YOUR INSTRUCTIONS =
Print exactly the lines below between the line holding "#183=IFCINDEXEDPOLYGONALFACE((23,25,61,59));" and the line holding "#190=IFCINDEXEDPOLYGONALFACE((30,66,68,32));", inclusive, and nothing more.

[Dataset entries]
----
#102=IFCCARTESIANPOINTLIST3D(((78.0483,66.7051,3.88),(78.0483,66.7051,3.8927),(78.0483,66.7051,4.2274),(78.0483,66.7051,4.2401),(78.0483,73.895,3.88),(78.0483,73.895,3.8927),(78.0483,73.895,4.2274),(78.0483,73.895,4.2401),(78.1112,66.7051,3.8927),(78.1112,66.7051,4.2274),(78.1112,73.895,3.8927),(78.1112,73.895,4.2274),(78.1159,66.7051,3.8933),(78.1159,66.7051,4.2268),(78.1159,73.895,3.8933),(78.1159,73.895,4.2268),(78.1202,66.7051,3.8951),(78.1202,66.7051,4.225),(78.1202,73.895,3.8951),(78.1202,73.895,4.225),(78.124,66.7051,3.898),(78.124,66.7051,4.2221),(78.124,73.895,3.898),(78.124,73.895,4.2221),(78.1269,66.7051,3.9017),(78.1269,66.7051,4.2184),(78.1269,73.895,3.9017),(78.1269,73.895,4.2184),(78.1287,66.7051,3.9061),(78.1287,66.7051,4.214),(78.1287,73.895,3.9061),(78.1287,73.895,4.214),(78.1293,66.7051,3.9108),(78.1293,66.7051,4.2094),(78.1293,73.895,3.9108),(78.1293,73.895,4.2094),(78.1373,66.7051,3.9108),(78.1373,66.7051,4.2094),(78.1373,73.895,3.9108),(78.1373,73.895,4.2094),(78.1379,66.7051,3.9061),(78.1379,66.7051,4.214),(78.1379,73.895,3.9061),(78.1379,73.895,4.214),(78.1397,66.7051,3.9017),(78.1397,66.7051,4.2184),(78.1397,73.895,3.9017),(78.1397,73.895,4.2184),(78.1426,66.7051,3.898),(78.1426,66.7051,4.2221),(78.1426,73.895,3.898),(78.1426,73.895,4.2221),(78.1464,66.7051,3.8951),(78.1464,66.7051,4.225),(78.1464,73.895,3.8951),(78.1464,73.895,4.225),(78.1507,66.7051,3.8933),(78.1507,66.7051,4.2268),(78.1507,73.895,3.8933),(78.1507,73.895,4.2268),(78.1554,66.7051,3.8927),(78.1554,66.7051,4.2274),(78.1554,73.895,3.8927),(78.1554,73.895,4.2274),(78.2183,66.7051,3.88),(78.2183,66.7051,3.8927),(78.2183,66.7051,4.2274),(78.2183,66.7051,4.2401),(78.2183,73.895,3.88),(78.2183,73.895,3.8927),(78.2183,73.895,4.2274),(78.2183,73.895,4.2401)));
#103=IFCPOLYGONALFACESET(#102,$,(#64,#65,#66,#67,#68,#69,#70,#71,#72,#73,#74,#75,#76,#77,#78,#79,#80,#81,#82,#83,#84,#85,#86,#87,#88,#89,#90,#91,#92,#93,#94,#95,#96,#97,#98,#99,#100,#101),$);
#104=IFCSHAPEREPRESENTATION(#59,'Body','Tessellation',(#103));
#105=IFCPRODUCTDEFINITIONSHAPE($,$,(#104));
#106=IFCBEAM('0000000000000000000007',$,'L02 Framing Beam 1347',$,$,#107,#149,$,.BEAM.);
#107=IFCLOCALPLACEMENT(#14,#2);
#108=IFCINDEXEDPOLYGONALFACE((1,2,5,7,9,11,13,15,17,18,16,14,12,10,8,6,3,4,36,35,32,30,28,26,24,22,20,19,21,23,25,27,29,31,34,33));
----
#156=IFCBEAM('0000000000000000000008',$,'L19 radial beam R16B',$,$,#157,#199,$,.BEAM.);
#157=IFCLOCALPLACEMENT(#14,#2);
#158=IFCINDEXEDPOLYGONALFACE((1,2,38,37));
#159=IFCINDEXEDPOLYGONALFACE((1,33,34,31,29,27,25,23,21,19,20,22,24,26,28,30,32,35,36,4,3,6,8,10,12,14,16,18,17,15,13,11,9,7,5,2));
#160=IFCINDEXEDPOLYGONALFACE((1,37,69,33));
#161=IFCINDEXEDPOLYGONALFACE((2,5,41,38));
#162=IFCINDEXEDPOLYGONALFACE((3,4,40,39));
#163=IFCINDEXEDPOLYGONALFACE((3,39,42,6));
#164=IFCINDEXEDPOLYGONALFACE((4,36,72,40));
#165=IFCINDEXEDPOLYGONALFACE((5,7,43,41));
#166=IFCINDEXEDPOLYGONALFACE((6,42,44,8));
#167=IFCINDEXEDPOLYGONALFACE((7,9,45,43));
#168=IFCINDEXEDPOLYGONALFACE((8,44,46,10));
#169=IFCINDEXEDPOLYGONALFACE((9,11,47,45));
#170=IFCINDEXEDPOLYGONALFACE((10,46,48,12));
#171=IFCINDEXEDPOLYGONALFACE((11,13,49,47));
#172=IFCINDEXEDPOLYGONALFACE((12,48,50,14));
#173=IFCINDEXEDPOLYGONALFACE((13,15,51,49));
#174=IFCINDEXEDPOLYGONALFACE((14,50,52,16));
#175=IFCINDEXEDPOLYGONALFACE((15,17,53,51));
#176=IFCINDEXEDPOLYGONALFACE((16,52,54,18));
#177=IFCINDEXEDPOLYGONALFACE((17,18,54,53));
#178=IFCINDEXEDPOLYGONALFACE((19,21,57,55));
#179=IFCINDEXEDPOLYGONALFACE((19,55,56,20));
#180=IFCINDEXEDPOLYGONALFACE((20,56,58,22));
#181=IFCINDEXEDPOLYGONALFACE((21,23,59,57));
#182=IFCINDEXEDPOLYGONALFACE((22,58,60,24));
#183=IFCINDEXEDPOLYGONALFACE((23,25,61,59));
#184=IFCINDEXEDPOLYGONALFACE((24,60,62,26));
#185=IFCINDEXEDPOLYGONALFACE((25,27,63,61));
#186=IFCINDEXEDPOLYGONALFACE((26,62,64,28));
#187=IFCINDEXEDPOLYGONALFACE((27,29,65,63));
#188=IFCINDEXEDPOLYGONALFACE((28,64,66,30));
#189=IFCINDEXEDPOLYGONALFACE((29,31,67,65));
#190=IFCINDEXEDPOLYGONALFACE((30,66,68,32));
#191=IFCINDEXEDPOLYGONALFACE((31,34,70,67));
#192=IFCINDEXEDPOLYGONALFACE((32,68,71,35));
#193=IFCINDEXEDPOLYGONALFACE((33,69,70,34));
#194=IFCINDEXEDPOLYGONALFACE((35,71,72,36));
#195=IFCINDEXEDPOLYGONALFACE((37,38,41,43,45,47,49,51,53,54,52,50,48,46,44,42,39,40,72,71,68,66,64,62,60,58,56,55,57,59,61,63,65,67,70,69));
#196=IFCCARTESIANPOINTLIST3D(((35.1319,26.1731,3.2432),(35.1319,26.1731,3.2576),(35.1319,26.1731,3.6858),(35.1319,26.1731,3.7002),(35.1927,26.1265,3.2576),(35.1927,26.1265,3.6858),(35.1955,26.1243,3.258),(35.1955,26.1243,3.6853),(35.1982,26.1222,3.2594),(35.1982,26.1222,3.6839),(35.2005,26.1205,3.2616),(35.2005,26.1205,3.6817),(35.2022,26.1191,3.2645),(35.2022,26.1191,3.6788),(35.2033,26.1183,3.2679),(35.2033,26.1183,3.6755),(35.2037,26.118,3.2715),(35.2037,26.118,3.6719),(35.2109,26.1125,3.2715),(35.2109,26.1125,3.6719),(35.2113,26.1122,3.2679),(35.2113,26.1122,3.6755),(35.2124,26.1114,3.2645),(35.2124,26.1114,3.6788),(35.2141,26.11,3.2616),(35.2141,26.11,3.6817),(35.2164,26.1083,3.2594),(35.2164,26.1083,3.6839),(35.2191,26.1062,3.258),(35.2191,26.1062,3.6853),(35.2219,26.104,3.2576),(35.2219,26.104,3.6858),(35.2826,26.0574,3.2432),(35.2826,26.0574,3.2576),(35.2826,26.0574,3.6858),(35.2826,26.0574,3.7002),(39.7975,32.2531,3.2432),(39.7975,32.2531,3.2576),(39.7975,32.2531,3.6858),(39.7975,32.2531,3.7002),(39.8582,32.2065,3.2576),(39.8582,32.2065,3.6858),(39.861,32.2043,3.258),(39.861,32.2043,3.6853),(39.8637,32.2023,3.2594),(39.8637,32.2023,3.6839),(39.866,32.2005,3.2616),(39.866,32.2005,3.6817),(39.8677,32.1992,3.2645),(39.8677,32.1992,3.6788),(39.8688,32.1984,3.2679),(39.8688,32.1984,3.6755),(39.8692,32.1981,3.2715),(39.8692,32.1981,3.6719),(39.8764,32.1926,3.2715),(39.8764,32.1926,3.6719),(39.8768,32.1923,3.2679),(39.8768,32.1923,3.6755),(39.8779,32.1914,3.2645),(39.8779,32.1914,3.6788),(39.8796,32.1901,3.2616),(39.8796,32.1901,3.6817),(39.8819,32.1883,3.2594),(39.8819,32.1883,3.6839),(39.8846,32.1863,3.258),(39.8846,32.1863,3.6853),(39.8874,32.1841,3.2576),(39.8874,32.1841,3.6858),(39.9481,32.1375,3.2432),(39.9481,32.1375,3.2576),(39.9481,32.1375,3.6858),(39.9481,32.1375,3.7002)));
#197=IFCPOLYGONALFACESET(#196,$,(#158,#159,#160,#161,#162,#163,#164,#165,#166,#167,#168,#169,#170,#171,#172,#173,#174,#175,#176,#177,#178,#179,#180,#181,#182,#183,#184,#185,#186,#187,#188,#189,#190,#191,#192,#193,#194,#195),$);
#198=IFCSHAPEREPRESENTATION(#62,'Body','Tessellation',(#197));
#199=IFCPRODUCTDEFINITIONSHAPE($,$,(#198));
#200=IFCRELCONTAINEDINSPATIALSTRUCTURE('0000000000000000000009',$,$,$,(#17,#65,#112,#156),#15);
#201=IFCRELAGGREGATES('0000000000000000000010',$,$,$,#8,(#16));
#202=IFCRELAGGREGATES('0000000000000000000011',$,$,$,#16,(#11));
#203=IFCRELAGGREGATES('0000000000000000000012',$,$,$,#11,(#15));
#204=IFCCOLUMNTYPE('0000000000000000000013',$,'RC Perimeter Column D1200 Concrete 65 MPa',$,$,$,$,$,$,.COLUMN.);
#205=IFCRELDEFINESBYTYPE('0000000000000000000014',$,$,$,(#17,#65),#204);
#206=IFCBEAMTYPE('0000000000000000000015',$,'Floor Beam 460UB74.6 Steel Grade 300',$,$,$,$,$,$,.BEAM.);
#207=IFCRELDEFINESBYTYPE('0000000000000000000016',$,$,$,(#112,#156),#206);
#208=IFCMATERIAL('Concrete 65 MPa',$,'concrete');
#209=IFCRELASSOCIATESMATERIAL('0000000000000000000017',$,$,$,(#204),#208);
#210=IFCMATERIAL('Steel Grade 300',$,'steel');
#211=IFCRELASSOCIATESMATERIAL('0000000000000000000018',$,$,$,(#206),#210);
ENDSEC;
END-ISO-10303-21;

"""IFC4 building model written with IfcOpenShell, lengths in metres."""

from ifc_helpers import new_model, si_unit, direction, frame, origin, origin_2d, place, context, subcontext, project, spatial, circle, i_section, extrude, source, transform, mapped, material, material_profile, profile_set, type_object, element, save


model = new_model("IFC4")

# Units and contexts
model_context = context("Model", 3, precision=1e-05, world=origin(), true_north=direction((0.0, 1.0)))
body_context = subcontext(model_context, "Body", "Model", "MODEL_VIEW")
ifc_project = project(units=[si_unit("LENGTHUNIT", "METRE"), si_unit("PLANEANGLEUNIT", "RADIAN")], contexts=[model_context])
----
FINAL ANSWER =
#183=IFCINDEXEDPOLYGONALFACE((23,25,61,59));
#184=IFCINDEXEDPOLYGONALFACE((24,60,62,26));
#185=IFCINDEXEDPOLYGONALFACE((25,27,63,61));
#186=IFCINDEXEDPOLYGONALFACE((26,62,64,28));
#187=IFCINDEXEDPOLYGONALFACE((27,29,65,63));
#188=IFCINDEXEDPOLYGONALFACE((28,64,66,30));
#189=IFCINDEXEDPOLYGONALFACE((29,31,67,65));
#190=IFCINDEXEDPOLYGONALFACE((30,66,68,32));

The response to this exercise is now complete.